== Provided data

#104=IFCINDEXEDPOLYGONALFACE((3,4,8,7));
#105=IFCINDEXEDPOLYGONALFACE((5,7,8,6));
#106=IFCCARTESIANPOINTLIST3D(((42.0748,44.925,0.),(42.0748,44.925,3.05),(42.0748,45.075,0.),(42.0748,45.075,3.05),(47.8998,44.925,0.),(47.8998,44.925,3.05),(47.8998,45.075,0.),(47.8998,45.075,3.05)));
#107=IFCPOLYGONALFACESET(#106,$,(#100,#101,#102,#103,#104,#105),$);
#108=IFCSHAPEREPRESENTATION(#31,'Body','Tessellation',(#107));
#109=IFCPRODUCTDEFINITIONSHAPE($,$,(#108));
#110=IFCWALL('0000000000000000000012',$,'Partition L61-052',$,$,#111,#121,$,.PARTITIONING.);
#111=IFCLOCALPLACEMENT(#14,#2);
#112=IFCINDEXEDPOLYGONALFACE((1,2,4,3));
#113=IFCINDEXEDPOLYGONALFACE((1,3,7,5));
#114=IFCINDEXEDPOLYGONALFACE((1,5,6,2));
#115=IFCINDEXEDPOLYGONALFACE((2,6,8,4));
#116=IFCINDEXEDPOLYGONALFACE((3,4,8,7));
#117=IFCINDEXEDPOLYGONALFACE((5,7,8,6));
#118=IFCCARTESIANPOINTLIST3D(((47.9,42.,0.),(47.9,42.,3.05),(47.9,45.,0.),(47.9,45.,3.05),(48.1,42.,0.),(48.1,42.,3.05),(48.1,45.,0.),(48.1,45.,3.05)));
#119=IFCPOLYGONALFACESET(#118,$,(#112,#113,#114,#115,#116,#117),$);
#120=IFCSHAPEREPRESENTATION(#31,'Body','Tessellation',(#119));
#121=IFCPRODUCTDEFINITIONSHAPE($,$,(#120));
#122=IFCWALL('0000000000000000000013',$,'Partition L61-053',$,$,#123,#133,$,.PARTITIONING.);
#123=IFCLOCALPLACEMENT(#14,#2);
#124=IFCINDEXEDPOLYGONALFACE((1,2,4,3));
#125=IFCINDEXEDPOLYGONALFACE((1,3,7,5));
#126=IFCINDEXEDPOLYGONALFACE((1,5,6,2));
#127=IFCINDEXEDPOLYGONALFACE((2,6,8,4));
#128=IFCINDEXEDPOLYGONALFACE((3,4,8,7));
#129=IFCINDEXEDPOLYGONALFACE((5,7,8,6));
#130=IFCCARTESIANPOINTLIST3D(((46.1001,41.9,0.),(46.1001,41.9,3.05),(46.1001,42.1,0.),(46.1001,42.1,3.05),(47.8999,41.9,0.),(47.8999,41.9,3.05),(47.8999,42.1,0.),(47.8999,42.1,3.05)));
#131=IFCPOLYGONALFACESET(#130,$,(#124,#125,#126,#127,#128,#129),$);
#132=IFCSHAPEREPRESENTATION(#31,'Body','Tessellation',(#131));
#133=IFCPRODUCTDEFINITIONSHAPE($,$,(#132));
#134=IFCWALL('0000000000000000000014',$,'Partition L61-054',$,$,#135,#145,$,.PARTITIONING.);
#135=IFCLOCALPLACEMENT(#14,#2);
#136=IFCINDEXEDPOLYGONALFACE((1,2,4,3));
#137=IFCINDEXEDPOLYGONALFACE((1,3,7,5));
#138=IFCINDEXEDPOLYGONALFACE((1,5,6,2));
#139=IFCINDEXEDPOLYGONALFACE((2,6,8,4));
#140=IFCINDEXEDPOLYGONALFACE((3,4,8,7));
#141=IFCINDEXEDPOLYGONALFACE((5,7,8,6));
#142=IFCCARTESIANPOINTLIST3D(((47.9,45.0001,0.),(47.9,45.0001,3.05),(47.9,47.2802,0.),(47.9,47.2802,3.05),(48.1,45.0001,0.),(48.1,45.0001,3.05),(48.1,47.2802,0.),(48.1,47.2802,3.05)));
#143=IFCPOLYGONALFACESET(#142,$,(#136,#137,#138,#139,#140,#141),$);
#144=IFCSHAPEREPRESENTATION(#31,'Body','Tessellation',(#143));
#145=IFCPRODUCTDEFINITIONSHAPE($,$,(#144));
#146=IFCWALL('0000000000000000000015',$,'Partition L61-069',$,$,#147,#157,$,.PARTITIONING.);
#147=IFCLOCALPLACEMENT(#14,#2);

====

• Exercise brief
Every single line of the listing must be retyped exactly.

• Result of this exercise
#104=IFCINDEXEDPOLYGONALFACE((3,4,8,7));
#105=IFCINDEXEDPOLYGONALFACE((5,7,8,6));
#106=IFCCARTESIANPOINTLIST3D(((42.0748,44.925,0.),(42.0748,44.925,3.05),(42.0748,45.075,0.),(42.0748,45.075,3.05),(47.8998,44.925,0.),(47.8998,44.925,3.05),(47.8998,45.075,0.),(47.8998,45.075,3.05)));
#107=IFCPOLYGONALFACESET(#106,$,(#100,#101,#102,#103,#104,#105),$);
#108=IFCSHAPEREPRESENTATION(#31,'Body','Tessellation',(#107));
#109=IFCPRODUCTDEFINITIONSHAPE($,$,(#108));
#110=IFCWALL('0000000000000000000012',$,'Partition L61-052',$,$,#111,#121,$,.PARTITIONING.);
#111=IFCLOCALPLACEMENT(#14,#2);
#112=IFCINDEXEDPOLYGONALFACE((1,2,4,3));
#113=IFCINDEXEDPOLYGONALFACE((1,3,7,5));
#114=IFCINDEXEDPOLYGONALFACE((1,5,6,2));
#115=IFCINDEXEDPOLYGONALFACE((2,6,8,4));
#116=IFCINDEXEDPOLYGONALFACE((3,4,8,7));
#117=IFCINDEXEDPOLYGONALFACE((5,7,8,6));
#118=IFCCARTESIANPOINTLIST3D(((47.9,42.,0.),(47.9,42.,3.05),(47.9,45.,0.),(47.9,45.,3.05),(48.1,42.,0.),(48.1,42.,3.05),(48.1,45.,0.),(48.1,45.,3.05)));
#119=IFCPOLYGONALFACESET(#118,$,(#112,#113,#114,#115,#116,#117),$);
#120=IFCSHAPEREPRESENTATION(#31,'Body','Tessellation',(#119));
#121=IFCPRODUCTDEFINITIONSHAPE($,$,(#120));
#122=IFCWALL('0000000000000000000013',$,'Partition L61-053',$,$,#123,#133,$,.PARTITIONING.);
#123=IFCLOCALPLACEMENT(#14,#2);
#124=IFCINDEXEDPOLYGONALFACE((1,2,4,3));
#125=IFCINDEXEDPOLYGONALFACE((1,3,7,5));
#126=IFCINDEXEDPOLYGONALFACE((1,5,6,2));
#127=IFCINDEXEDPOLYGONALFACE((2,6,8,4));
#128=IFCINDEXEDPOLYGONALFACE((3,4,8,7));
#129=IFCINDEXEDPOLYGONALFACE((5,7,8,6));
#130=IFCCARTESIANPOINTLIST3D(((46.1001,41.9,0.),(46.1001,41.9,3.05),(46.1001,42.1,0.),(46.1001,42.1,3.05),(47.8999,41.9,0.),(47.8999,41.9,3.05),(47.8999,42.1,0.),(47.8999,42.1,3.05)));
#131=IFCPOLYGONALFACESET(#130,$,(#124,#125,#126,#127,#128,#129),$);
#132=IFCSHAPEREPRESENTATION(#31,'Body','Tessellation',(#131));
#133=IFCPRODUCTDEFINITIONSHAPE($,$,(#132));
#134=IFCWALL('0000000000000000000014',$,'Partition L61-054',$,$,#135,#145,$,.PARTITIONING.);
#135=IFCLOCALPLACEMENT(#14,#2);
#136=IFCINDEXEDPOLYGONALFACE((1,2,4,3));
#137=IFCINDEXEDPOLYGONALFACE((1,3,7,5));
#138=IFCINDEXEDPOLYGONALFACE((1,5,6,2));
#139=IFCINDEXEDPOLYGONALFACE((2,6,8,4));
#140=IFCINDEXEDPOLYGONALFACE((3,4,8,7));
#141=IFCINDEXEDPOLYGONALFACE((5,7,8,6));
#142=IFCCARTESIANPOINTLIST3D(((47.9,45.0001,0.),(47.9,45.0001,3.05),(47.9,47.2802,0.),(47.9,47.2802,3.05),(48.1,45.0001,0.),(48.1,45.0001,3.05),(48.1,47.2802,0.),(48.1,47.2802,3.05)));
#143=IFCPOLYGONALFACESET(#142,$,(#136,#137,#138,#139,#140,#141),$);
#144=IFCSHAPEREPRESENTATION(#31,'Body','Tessellation',(#143));
#145=IFCPRODUCTDEFINITIONSHAPE($,$,(#144));
#146=IFCWALL('0000000000000000000015',$,'Partition L61-069',$,$,#147,#157,$,.PARTITIONING.);
#147=IFCLOCALPLACEMENT(#14,#2);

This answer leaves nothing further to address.